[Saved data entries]
╭──

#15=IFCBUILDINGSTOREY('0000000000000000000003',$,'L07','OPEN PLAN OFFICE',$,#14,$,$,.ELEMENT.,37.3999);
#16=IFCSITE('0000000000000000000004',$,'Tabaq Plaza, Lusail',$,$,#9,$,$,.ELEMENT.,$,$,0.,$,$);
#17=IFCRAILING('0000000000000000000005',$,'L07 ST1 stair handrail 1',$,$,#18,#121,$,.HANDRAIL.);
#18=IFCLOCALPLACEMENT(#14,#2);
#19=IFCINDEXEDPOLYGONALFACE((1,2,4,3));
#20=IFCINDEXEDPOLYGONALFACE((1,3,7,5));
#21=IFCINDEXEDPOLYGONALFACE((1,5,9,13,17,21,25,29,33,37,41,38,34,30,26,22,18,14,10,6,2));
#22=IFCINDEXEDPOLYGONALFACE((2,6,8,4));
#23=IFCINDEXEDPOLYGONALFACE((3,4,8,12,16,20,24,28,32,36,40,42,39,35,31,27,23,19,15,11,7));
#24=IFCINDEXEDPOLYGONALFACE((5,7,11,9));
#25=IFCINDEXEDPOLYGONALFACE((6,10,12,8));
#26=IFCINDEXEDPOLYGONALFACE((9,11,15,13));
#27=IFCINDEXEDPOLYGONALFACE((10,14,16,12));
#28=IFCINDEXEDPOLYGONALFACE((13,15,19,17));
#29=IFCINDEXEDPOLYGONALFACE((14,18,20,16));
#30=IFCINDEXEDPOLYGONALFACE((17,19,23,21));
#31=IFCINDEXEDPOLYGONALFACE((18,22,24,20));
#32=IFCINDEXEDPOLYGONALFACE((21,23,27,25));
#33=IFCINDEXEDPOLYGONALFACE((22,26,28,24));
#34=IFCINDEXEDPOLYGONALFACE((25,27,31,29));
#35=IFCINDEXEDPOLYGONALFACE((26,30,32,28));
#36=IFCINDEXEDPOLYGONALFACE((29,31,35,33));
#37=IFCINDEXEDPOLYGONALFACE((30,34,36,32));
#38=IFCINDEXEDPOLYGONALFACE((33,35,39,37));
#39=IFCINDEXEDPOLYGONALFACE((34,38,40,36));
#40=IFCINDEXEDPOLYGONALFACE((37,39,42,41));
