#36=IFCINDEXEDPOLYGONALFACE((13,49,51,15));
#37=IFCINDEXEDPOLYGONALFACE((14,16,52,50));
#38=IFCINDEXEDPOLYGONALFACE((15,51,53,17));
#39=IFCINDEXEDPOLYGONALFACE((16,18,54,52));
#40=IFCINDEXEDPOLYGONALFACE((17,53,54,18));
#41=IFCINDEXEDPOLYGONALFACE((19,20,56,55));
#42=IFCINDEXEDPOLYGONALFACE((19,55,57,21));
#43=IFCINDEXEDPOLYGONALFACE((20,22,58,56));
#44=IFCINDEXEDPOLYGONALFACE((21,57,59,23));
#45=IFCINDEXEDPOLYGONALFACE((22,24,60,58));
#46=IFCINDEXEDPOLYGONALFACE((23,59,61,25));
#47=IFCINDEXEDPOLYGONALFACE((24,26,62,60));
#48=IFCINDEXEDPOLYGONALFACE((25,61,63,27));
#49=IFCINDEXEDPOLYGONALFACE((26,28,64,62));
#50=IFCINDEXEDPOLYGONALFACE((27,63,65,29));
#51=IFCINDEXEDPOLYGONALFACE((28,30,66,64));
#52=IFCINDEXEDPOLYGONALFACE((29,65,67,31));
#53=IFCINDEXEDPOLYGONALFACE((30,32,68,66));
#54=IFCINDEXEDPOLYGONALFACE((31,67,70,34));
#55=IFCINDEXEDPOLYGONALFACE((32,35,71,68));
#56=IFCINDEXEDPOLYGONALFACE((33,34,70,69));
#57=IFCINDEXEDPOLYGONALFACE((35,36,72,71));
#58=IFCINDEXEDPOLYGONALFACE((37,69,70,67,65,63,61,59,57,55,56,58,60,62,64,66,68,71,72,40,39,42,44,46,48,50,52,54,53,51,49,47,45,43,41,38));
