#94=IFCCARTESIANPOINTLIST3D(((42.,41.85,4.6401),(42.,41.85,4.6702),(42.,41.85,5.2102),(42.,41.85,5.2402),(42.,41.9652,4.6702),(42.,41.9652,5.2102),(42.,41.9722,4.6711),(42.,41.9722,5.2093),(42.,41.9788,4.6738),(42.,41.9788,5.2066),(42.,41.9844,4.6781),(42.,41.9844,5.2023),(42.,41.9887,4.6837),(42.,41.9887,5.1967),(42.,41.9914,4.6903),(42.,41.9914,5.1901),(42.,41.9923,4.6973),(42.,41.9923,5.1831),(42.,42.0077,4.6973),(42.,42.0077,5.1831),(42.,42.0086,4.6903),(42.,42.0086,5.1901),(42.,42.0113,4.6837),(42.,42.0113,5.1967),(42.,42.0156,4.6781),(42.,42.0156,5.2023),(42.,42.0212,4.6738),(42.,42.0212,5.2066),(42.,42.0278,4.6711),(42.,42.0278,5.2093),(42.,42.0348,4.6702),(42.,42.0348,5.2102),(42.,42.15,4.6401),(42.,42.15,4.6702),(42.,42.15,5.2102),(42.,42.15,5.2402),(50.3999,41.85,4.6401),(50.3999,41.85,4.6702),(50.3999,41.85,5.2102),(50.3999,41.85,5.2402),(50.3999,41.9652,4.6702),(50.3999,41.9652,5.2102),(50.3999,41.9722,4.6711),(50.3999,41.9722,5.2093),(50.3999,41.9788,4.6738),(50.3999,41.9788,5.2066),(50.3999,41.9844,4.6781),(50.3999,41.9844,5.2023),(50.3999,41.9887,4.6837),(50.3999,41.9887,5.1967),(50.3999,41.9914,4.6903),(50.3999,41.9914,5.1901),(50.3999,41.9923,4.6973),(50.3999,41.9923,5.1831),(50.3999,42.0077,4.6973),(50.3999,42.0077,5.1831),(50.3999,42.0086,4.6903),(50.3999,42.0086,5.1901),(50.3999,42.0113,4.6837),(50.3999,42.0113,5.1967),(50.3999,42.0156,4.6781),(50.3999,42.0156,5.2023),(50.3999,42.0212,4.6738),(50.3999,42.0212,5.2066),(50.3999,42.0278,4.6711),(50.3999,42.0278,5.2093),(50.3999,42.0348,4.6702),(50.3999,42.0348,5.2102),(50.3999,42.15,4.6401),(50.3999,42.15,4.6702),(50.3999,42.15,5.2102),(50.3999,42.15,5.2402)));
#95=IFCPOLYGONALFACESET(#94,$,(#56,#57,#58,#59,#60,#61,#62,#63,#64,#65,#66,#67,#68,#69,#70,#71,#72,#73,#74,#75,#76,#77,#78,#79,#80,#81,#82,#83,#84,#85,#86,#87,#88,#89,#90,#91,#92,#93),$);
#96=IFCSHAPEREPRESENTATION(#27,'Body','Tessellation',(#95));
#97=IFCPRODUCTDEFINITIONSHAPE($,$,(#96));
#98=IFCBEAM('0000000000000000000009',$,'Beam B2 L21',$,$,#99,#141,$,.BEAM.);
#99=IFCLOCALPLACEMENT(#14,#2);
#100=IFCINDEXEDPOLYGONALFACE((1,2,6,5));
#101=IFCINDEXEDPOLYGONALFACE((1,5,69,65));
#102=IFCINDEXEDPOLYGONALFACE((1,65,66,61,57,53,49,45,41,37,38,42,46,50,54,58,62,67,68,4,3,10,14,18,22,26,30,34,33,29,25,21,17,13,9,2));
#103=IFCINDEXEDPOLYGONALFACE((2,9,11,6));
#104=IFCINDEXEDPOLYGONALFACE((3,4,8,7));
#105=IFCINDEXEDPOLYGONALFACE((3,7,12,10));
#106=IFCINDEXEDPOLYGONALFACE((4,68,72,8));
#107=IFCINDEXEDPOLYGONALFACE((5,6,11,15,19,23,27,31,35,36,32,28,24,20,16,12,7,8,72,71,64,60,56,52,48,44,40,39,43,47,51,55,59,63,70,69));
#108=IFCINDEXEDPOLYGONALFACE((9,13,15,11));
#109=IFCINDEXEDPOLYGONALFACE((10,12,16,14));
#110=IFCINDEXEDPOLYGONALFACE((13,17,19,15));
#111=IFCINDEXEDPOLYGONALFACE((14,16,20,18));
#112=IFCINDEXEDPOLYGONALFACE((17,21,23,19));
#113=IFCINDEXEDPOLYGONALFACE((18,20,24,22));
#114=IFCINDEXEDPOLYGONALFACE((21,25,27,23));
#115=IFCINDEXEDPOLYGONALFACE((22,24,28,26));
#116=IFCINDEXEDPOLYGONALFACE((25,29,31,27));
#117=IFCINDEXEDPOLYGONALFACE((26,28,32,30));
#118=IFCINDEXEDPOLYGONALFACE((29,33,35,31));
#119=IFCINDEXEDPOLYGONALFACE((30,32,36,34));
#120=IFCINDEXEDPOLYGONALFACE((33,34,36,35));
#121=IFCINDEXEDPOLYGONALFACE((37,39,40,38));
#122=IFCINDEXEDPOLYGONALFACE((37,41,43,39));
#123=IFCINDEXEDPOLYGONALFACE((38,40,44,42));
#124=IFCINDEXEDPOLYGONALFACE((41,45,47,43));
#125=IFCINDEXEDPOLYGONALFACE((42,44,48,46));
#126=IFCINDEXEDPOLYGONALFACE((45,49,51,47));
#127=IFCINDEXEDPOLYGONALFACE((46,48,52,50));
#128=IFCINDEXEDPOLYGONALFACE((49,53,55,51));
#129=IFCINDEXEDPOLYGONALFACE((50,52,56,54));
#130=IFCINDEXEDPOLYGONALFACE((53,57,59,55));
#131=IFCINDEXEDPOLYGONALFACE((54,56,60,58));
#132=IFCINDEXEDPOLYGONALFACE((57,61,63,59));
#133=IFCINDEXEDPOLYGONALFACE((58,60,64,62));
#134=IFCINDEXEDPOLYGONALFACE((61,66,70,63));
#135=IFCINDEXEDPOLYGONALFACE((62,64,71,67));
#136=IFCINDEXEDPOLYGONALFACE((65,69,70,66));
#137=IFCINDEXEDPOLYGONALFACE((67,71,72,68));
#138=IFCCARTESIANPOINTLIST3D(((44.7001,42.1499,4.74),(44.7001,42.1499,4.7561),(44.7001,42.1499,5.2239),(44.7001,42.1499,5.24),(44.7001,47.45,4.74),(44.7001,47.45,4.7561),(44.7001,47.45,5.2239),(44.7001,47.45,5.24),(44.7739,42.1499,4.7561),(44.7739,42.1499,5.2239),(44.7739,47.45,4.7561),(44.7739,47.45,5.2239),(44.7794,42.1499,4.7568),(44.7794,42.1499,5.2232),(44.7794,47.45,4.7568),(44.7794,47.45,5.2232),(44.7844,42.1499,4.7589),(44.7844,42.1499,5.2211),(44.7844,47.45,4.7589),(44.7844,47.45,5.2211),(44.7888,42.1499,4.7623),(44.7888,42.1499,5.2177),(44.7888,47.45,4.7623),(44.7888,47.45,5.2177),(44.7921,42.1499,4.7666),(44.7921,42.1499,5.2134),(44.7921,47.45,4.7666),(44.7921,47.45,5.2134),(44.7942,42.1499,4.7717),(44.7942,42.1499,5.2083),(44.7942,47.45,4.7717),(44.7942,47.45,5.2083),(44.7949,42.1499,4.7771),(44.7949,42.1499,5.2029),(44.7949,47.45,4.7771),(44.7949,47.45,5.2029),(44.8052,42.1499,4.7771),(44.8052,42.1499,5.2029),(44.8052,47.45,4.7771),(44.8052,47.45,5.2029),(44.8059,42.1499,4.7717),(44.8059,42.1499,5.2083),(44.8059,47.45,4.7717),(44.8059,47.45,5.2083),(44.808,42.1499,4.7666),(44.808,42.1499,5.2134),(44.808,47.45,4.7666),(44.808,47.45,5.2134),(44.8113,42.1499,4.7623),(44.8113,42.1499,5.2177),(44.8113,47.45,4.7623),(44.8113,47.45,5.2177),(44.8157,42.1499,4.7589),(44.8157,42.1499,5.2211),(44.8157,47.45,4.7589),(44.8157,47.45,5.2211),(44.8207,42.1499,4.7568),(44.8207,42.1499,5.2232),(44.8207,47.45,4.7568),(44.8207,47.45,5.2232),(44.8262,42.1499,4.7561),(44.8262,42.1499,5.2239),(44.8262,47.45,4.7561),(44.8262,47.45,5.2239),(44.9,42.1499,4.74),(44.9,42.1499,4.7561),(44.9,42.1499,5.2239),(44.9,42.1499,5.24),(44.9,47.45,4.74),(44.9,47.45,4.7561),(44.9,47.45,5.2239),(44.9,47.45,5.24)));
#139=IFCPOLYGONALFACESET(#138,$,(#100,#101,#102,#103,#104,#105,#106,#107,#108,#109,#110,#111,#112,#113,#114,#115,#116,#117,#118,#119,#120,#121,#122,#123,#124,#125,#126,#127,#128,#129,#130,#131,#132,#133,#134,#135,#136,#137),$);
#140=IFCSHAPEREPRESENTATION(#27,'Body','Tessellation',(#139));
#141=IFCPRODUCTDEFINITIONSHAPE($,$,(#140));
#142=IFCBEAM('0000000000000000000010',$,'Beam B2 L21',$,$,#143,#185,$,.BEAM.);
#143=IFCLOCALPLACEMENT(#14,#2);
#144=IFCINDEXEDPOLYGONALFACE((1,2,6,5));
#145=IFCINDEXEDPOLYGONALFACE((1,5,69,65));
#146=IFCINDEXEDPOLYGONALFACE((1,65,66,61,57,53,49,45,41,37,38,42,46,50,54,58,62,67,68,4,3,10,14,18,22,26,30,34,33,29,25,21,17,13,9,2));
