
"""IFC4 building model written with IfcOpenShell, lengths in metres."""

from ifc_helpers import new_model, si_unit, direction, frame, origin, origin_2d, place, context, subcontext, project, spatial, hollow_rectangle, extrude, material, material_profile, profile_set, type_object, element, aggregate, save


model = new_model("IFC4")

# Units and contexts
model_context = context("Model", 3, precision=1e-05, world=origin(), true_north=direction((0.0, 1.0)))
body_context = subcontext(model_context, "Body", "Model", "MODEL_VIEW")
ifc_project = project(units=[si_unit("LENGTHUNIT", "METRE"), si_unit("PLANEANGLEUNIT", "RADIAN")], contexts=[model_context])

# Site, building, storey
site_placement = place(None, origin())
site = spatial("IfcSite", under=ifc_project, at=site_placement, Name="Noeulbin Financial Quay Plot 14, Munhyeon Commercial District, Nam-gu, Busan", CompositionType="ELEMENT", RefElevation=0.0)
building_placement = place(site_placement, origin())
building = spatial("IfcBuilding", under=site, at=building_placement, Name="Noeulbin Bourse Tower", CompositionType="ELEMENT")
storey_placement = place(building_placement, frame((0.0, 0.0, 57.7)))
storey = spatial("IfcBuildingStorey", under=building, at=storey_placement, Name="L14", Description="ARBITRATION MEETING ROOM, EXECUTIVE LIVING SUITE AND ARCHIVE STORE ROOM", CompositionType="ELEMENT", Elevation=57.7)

╰──

EXERCISE PROMPT: What you return must be an exact retyping of the lines above starting at the line with "#124=IFCINDEXEDPOLYGONALFACE((41,45,47,43));" and ending at the line with "#137=IFCINDEXEDPOLYGONALFACE((67,71,72,68));", and nothing besides.

ANSWER SPACE:
#124=IFCINDEXEDPOLYGONALFACE((41,45,47,43));
#125=IFCINDEXEDPOLYGONALFACE((42,44,48,46));
#126=IFCINDEXEDPOLYGONALFACE((45,49,51,47));
#127=IFCINDEXEDPOLYGONALFACE((46,48,52,50));
#128=IFCINDEXEDPOLYGONALFACE((49,53,55,51));
#129=IFCINDEXEDPOLYGONALFACE((50,52,56,54));
#130=IFCINDEXEDPOLYGONALFACE((53,57,59,55));
#131=IFCINDEXEDPOLYGONALFACE((54,56,60,58));
#132=IFCINDEXEDPOLYGONALFACE((57,61,63,59));
#133=IFCINDEXEDPOLYGONALFACE((58,60,64,62));
#134=IFCINDEXEDPOLYGONALFACE((61,66,70,63));
#135=IFCINDEXEDPOLYGONALFACE((62,64,71,67));
#136=IFCINDEXEDPOLYGONALFACE((65,69,70,66));
#137=IFCINDEXEDPOLYGONALFACE((67,71,72,68));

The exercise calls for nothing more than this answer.